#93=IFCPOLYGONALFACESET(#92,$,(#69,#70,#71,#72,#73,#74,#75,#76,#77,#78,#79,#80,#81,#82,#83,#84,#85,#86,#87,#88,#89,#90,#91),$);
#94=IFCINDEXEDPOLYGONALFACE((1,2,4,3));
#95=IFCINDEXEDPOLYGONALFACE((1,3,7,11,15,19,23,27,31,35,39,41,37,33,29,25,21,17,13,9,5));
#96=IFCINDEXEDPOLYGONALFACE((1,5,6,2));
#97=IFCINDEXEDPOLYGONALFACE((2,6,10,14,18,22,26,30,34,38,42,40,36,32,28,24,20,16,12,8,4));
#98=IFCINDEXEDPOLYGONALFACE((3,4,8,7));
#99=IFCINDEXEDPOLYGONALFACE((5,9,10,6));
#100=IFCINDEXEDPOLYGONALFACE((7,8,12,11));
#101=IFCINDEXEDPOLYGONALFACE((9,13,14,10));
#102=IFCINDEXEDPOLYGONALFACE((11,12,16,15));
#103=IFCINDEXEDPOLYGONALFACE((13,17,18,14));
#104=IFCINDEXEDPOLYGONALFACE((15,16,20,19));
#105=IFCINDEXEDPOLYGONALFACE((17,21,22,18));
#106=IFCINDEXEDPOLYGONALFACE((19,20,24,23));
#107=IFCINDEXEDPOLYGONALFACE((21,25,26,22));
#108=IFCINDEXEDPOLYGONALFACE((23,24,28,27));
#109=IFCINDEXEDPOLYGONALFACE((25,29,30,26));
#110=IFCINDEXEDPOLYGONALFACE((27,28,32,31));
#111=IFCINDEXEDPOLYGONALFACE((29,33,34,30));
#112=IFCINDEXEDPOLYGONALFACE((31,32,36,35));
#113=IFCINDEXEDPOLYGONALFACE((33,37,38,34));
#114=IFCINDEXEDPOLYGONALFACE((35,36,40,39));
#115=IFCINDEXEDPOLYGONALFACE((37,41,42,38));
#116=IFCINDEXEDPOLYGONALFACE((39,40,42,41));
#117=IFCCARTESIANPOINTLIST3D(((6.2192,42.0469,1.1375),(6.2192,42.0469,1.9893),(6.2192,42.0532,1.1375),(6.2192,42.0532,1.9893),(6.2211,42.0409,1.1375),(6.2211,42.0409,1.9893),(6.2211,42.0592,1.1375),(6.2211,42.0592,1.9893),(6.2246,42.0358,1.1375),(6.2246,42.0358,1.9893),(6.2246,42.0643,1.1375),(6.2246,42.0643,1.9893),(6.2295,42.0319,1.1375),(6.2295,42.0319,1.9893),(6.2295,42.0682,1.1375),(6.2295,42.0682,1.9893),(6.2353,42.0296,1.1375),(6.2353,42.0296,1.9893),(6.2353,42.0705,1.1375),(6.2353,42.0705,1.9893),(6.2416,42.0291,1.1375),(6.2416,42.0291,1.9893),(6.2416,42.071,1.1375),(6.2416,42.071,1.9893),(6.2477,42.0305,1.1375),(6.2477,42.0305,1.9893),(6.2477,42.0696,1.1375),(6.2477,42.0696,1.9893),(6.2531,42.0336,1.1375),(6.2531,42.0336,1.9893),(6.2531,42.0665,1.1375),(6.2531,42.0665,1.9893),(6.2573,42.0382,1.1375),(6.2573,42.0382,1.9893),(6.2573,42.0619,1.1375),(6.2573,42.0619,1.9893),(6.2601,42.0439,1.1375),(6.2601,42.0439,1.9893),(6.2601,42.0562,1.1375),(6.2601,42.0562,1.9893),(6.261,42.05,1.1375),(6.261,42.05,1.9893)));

### [WHAT TO DO]
Reproduce the full listing word for word.

### [YOUR RESPONSE]
#93=IFCPOLYGONALFACESET(#92,$,(#69,#70,#71,#72,#73,#74,#75,#76,#77,#78,#79,#80,#81,#82,#83,#84,#85,#86,#87,#88,#89,#90,#91),$);
#94=IFCINDEXEDPOLYGONALFACE((1,2,4,3));
#95=IFCINDEXEDPOLYGONALFACE((1,3,7,11,15,19,23,27,31,35,39,41,37,33,29,25,21,17,13,9,5));
#96=IFCINDEXEDPOLYGONALFACE((1,5,6,2));
#97=IFCINDEXEDPOLYGONALFACE((2,6,10,14,18,22,26,30,34,38,42,40,36,32,28,24,20,16,12,8,4));
#98=IFCINDEXEDPOLYGONALFACE((3,4,8,7));
#99=IFCINDEXEDPOLYGONALFACE((5,9,10,6));
#100=IFCINDEXEDPOLYGONALFACE((7,8,12,11));
#101=IFCINDEXEDPOLYGONALFACE((9,13,14,10));
#102=IFCINDEXEDPOLYGONALFACE((11,12,16,15));
#103=IFCINDEXEDPOLYGONALFACE((13,17,18,14));
#104=IFCINDEXEDPOLYGONALFACE((15,16,20,19));
#105=IFCINDEXEDPOLYGONALFACE((17,21,22,18));
#106=IFCINDEXEDPOLYGONALFACE((19,20,24,23));
#107=IFCINDEXEDPOLYGONALFACE((21,25,26,22));
#108=IFCINDEXEDPOLYGONALFACE((23,24,28,27));
#109=IFCINDEXEDPOLYGONALFACE((25,29,30,26));
#110=IFCINDEXEDPOLYGONALFACE((27,28,32,31));
#111=IFCINDEXEDPOLYGONALFACE((29,33,34,30));
#112=IFCINDEXEDPOLYGONALFACE((31,32,36,35));
#113=IFCINDEXEDPOLYGONALFACE((33,37,38,34));
#114=IFCINDEXEDPOLYGONALFACE((35,36,40,39));
#115=IFCINDEXEDPOLYGONALFACE((37,41,42,38));
#116=IFCINDEXEDPOLYGONALFACE((39,40,42,41));
#117=IFCCARTESIANPOINTLIST3D(((6.2192,42.0469,1.1375),(6.2192,42.0469,1.9893),(6.2192,42.0532,1.1375),(6.2192,42.0532,1.9893),(6.2211,42.0409,1.1375),(6.2211,42.0409,1.9893),(6.2211,42.0592,1.1375),(6.2211,42.0592,1.9893),(6.2246,42.0358,1.1375),(6.2246,42.0358,1.9893),(6.2246,42.0643,1.1375),(6.2246,42.0643,1.9893),(6.2295,42.0319,1.1375),(6.2295,42.0319,1.9893),(6.2295,42.0682,1.1375),(6.2295,42.0682,1.9893),(6.2353,42.0296,1.1375),(6.2353,42.0296,1.9893),(6.2353,42.0705,1.1375),(6.2353,42.0705,1.9893),(6.2416,42.0291,1.1375),(6.2416,42.0291,1.9893),(6.2416,42.071,1.1375),(6.2416,42.071,1.9893),(6.2477,42.0305,1.1375),(6.2477,42.0305,1.9893),(6.2477,42.0696,1.1375),(6.2477,42.0696,1.9893),(6.2531,42.0336,1.1375),(6.2531,42.0336,1.9893),(6.2531,42.0665,1.1375),(6.2531,42.0665,1.9893),(6.2573,42.0382,1.1375),(6.2573,42.0382,1.9893),(6.2573,42.0619,1.1375),(6.2573,42.0619,1.9893),(6.2601,42.0439,1.1375),(6.2601,42.0439,1.9893),(6.2601,42.0562,1.1375),(6.2601,42.0562,1.9893),(6.261,42.05,1.1375),(6.261,42.05,1.9893)));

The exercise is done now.